*Instructions to follow:*
Starting at the line below holding "#64=IFCINDEXEDPOLYGONALFACE((36,44,43));" and stopping at the line holding "#109=IFCINDEXEDPOLYGONALFACE((81,89,88));", print every line exactly, both ends included, and leave the rest out.
>>>>>
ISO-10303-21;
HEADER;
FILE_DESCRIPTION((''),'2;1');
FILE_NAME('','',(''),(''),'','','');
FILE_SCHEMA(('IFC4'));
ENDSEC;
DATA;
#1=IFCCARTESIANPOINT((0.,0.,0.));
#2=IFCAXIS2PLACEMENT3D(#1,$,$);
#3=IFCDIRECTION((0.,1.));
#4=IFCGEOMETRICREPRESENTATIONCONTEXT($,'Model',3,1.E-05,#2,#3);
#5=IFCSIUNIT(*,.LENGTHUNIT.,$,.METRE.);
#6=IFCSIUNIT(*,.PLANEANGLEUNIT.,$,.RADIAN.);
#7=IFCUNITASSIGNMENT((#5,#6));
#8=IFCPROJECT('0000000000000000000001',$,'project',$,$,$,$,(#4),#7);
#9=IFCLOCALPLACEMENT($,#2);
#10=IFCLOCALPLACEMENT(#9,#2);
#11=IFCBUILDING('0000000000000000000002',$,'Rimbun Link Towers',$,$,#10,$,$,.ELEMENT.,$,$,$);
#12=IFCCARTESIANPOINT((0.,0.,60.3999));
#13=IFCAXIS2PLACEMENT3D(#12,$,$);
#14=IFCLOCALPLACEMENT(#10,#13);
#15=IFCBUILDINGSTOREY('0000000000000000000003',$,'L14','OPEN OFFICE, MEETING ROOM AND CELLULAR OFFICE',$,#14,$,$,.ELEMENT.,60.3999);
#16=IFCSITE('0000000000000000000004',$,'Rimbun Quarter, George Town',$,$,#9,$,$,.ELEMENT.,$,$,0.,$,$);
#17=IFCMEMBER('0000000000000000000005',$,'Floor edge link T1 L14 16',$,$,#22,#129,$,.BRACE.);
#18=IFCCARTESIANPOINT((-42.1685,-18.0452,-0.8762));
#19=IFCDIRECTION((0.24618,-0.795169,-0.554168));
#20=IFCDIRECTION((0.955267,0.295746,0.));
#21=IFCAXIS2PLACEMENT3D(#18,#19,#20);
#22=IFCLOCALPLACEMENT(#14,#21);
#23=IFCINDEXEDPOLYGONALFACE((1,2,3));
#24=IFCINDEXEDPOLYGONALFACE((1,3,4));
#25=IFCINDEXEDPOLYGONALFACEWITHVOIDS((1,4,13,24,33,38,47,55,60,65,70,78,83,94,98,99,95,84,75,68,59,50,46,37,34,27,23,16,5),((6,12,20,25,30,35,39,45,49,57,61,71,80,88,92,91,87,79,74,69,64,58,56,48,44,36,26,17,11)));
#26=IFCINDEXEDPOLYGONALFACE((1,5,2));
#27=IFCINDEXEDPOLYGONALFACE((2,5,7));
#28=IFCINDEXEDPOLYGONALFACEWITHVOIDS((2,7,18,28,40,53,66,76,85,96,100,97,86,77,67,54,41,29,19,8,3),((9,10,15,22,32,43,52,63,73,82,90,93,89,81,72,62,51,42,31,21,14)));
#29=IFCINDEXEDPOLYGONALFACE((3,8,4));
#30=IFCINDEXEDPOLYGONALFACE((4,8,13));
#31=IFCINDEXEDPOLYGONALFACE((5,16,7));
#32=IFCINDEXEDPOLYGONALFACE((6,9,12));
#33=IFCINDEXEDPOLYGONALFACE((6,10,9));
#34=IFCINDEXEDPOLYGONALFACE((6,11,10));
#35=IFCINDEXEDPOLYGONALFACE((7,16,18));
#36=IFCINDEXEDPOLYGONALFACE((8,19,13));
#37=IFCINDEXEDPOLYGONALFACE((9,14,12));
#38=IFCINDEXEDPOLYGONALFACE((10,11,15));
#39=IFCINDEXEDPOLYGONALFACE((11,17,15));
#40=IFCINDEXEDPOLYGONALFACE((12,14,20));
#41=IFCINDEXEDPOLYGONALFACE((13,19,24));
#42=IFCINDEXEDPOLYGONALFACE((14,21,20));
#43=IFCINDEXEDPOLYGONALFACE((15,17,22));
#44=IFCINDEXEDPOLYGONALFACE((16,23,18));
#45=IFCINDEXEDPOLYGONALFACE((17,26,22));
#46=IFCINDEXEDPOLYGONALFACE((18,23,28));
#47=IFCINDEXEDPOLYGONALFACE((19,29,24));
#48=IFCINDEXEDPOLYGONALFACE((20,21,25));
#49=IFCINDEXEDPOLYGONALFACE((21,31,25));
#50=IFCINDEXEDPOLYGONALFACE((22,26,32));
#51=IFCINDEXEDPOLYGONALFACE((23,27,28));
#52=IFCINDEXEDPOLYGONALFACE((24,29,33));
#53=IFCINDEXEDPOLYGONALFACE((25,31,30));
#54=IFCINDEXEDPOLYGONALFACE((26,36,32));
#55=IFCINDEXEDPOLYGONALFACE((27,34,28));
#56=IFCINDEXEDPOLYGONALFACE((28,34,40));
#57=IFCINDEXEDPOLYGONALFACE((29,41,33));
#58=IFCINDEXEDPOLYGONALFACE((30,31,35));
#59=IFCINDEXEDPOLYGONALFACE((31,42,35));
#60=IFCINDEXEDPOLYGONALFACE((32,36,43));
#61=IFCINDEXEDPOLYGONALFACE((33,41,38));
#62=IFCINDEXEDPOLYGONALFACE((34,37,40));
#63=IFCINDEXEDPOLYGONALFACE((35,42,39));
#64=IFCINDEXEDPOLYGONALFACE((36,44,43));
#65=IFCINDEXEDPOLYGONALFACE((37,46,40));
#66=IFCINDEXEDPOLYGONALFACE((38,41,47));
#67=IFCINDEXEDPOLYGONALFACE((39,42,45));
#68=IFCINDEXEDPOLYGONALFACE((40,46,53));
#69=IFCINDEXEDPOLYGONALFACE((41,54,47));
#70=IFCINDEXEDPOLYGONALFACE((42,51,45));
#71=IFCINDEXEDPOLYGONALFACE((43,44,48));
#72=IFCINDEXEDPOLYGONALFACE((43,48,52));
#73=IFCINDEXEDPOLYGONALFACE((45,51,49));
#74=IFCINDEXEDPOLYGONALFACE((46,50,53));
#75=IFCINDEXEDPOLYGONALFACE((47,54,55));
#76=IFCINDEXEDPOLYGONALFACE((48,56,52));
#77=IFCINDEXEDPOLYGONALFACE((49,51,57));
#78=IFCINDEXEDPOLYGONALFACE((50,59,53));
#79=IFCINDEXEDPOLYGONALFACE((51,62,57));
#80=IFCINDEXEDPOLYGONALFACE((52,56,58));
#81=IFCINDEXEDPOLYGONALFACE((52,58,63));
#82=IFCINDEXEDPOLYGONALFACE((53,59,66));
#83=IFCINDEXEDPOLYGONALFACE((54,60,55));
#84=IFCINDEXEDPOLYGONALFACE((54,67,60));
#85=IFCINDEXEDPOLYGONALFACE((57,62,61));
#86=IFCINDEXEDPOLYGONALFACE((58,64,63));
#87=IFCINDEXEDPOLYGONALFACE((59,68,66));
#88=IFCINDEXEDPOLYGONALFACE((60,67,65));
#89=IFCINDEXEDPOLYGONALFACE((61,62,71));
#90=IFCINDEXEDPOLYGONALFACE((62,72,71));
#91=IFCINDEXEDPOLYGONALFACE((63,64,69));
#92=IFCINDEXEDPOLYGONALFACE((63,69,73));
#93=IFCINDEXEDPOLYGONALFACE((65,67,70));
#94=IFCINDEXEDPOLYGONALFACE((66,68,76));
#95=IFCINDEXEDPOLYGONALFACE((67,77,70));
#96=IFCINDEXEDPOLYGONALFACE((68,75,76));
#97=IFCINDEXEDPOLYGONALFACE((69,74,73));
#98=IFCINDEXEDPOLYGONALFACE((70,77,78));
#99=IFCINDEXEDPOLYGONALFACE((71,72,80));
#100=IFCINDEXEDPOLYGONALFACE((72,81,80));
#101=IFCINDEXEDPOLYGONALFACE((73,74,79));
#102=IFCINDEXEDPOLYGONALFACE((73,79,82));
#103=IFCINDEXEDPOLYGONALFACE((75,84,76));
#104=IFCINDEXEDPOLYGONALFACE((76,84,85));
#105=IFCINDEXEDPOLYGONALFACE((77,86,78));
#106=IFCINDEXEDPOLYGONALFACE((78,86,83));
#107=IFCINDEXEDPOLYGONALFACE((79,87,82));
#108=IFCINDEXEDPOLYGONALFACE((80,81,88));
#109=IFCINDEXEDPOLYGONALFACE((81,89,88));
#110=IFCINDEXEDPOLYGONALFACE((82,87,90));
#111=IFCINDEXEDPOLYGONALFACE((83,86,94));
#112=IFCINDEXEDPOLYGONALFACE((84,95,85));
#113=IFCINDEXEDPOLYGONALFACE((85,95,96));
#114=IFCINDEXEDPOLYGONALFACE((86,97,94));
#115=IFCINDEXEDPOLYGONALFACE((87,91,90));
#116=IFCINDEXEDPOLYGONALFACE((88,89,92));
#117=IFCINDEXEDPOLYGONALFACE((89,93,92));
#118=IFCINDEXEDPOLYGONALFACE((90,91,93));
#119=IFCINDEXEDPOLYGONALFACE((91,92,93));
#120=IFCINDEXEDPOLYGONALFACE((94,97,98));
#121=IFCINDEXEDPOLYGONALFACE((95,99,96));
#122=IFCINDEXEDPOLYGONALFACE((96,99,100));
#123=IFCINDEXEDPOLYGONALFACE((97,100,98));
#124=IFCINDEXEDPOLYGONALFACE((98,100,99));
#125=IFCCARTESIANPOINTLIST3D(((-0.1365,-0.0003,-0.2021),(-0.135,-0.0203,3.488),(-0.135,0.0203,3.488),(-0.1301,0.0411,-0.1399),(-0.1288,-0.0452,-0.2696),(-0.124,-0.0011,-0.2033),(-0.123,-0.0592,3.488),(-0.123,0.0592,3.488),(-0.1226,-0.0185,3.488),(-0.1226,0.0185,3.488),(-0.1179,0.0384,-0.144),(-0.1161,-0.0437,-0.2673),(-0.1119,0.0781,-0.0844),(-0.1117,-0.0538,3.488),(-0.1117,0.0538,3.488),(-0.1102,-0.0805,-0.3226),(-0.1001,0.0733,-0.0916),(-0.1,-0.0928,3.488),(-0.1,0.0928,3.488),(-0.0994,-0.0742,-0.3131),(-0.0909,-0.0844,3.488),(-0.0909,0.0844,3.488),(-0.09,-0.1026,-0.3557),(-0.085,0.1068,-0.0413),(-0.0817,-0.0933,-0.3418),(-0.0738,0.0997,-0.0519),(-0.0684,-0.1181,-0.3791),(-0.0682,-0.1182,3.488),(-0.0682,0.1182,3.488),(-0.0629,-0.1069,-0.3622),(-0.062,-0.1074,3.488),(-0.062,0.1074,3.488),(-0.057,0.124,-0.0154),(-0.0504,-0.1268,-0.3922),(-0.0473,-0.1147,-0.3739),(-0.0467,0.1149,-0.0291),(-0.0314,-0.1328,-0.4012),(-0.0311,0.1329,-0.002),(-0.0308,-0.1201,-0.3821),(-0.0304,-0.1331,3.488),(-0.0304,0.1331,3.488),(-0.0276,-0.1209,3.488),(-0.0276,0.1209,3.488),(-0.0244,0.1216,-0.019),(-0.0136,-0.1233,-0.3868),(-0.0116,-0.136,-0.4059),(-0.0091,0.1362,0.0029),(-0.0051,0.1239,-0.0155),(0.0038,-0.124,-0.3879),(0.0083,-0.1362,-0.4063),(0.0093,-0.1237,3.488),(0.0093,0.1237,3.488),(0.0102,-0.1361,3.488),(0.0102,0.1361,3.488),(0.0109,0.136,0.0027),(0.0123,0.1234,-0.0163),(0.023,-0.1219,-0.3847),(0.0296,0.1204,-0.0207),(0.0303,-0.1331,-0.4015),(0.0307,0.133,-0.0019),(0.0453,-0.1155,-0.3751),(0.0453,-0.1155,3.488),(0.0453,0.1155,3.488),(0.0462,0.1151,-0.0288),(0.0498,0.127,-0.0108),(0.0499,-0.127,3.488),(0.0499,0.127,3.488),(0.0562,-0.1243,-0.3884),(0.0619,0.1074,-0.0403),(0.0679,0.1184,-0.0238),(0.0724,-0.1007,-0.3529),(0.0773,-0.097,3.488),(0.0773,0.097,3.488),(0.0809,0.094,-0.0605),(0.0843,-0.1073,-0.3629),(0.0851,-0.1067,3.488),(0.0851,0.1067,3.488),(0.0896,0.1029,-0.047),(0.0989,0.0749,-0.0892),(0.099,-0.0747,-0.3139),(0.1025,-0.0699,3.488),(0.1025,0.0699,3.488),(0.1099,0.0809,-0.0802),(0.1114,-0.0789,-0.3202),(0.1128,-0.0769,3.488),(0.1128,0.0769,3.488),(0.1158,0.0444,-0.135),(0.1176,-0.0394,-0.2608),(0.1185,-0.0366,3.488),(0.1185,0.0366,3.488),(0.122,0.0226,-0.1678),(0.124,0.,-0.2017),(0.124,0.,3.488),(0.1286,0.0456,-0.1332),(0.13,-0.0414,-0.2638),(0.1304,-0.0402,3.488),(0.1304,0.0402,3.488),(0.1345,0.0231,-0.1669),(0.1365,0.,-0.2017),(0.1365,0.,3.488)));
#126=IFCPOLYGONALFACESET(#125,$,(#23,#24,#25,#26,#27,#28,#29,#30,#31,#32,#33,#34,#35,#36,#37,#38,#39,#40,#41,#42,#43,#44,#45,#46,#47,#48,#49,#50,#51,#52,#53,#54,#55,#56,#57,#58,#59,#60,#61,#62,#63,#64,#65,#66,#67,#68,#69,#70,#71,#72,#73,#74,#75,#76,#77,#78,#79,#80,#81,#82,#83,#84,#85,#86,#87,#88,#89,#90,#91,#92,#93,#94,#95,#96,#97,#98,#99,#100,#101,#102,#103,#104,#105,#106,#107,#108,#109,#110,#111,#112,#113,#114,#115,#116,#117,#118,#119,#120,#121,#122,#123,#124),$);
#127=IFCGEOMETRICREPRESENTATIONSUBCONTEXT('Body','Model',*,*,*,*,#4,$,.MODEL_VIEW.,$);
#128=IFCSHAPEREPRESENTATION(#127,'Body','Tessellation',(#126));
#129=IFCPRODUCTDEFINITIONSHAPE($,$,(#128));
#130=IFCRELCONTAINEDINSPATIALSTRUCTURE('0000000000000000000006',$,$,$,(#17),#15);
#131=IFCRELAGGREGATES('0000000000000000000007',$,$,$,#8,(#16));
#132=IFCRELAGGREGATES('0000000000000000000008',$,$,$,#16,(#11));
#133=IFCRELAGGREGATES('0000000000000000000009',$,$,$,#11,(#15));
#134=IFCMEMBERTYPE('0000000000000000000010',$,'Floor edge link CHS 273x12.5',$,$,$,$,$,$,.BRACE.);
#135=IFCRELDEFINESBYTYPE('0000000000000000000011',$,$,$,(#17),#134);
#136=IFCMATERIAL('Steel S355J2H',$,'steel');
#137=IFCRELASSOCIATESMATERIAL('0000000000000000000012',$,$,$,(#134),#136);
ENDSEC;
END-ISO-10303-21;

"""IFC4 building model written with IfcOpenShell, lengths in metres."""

from ifc_helpers import new_model, si_unit, direction, frame, origin, origin_2d, place, context, subcontext, project, spatial, hollow_circle, extrude, clip, halfspace, material, material_profile, profile_set, type_object, element, save


model = new_model("IFC4")

# Units and contexts
model_context = context("Model", 3, precision=1e-05, world=origin(), true_north=direction((0.0, 1.0)))
body_context = subcontext(model_context, "Body", "Model", "MODEL_VIEW")
ifc_project = project(units=[si_unit("LENGTHUNIT", "METRE"), si_unit("PLANEANGLEUNIT", "RADIAN")], contexts=[model_context])

# Site, building, storey
site_placement = place(None, origin())
site = spatial("IfcSite", under=ifc_project, at=site_placement, Name="Rimbun Quarter, George Town", CompositionType="ELEMENT", RefElevation=0.0)
building_placement = place(site_placement, origin())
building = spatial("IfcBuilding", under=site, at=building_placement, Name="Rimbun Link Towers", CompositionType="ELEMENT")
storey_placement = place(building_placement, frame((0.0, 0.0, 60.3999)))
storey = spatial("IfcBuildingStorey", under=building, at=storey_placement, Name="L14", Description="OPEN OFFICE, MEETING ROOM AND CELLULAR OFFICE", CompositionType="ELEMENT", Elevation=60.3999)

# Member
ifc_material_1 = material(Name="Steel S355J2H", Category="steel")
ifc_material_profile_1 = material_profile(ifc_material_1, hollow_circle(Radius=0.1365, WallThickness=0.0125, at=origin_2d()), Name="CHS 273x12.5")
ifc_profile_set_1 = profile_set([ifc_material_profile_1], Name="Steel S355J2H")
member_type_1 = type_object("IfcMemberType", Name="Floor edge link CHS 273x12.5", PredefinedType="BRACE", material=ifc_profile_set_1)
member_1_placement = place(storey_placement, frame((-42.1685, -18.0452, -0.8762), z_axis=(0.24618, -0.795169, -0.554168), x_axis=(0.955267, 0.295746, 0.0)))
element("IfcMember", 1, at=member_1_placement, inside=storey, type_object=member_type_1, Name="Floor edge link T1 L14 16", PredefinedType="BRACE", context=body_context, shape_type="Clipping", body=[
    clip(extrude(hollow_circle(Radius=0.1365, WallThickness=0.0125, at=origin_2d()), frame((0.0, 0.0, -0.428)), (0.0, 0.0, 1.0), 3.916), halfspace(frame((0.0, 0.0, -0.2017), z_axis=(0.0, 0.832405, -0.554168)), False)),
])

save(model, "model.ifc")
<<<<<
*Written answer:*
#64=IFCINDEXEDPOLYGONALFACE((36,44,43));
#65=IFCINDEXEDPOLYGONALFACE((37,46,40));
#66=IFCINDEXEDPOLYGONALFACE((38,41,47));
#67=IFCINDEXEDPOLYGONALFACE((39,42,45));
#68=IFCINDEXEDPOLYGONALFACE((40,46,53));
#69=IFCINDEXEDPOLYGONALFACE((41,54,47));
#70=IFCINDEXEDPOLYGONALFACE((42,51,45));
#71=IFCINDEXEDPOLYGONALFACE((43,44,48));
#72=IFCINDEXEDPOLYGONALFACE((43,48,52));
#73=IFCINDEXEDPOLYGONALFACE((45,51,49));
#74=IFCINDEXEDPOLYGONALFACE((46,50,53));
#75=IFCINDEXEDPOLYGONALFACE((47,54,55));
#76=IFCINDEXEDPOLYGONALFACE((48,56,52));
#77=IFCINDEXEDPOLYGONALFACE((49,51,57));
#78=IFCINDEXEDPOLYGONALFACE((50,59,53));
#79=IFCINDEXEDPOLYGONALFACE((51,62,57));
#80=IFCINDEXEDPOLYGONALFACE((52,56,58));
#81=IFCINDEXEDPOLYGONALFACE((52,58,63));
#82=IFCINDEXEDPOLYGONALFACE((53,59,66));
#83=IFCINDEXEDPOLYGONALFACE((54,60,55));
#84=IFCINDEXEDPOLYGONALFACE((54,67,60));
#85=IFCINDEXEDPOLYGONALFACE((57,62,61));
#86=IFCINDEXEDPOLYGONALFACE((58,64,63));
#87=IFCINDEXEDPOLYGONALFACE((59,68,66));
#88=IFCINDEXEDPOLYGONALFACE((60,67,65));
#89=IFCINDEXEDPOLYGONALFACE((61,62,71));
#90=IFCINDEXEDPOLYGONALFACE((62,72,71));
#91=IFCINDEXEDPOLYGONALFACE((63,64,69));
#92=IFCINDEXEDPOLYGONALFACE((63,69,73));
#93=IFCINDEXEDPOLYGONALFACE((65,67,70));
#94=IFCINDEXEDPOLYGONALFACE((66,68,76));
#95=IFCINDEXEDPOLYGONALFACE((67,77,70));
#96=IFCINDEXEDPOLYGONALFACE((68,75,76));
#97=IFCINDEXEDPOLYGONALFACE((69,74,73));
#98=IFCINDEXEDPOLYGONALFACE((70,77,78));
#99=IFCINDEXEDPOLYGONALFACE((71,72,80));
#100=IFCINDEXEDPOLYGONALFACE((72,81,80));
#101=IFCINDEXEDPOLYGONALFACE((73,74,79));
#102=IFCINDEXEDPOLYGONALFACE((73,79,82));
#103=IFCINDEXEDPOLYGONALFACE((75,84,76));
#104=IFCINDEXEDPOLYGONALFACE((76,84,85));
#105=IFCINDEXEDPOLYGONALFACE((77,86,78));
#106=IFCINDEXEDPOLYGONALFACE((78,86,83));
#107=IFCINDEXEDPOLYGONALFACE((79,87,82));
#108=IFCINDEXEDPOLYGONALFACE((80,81,88));
#109=IFCINDEXEDPOLYGONALFACE((81,89,88));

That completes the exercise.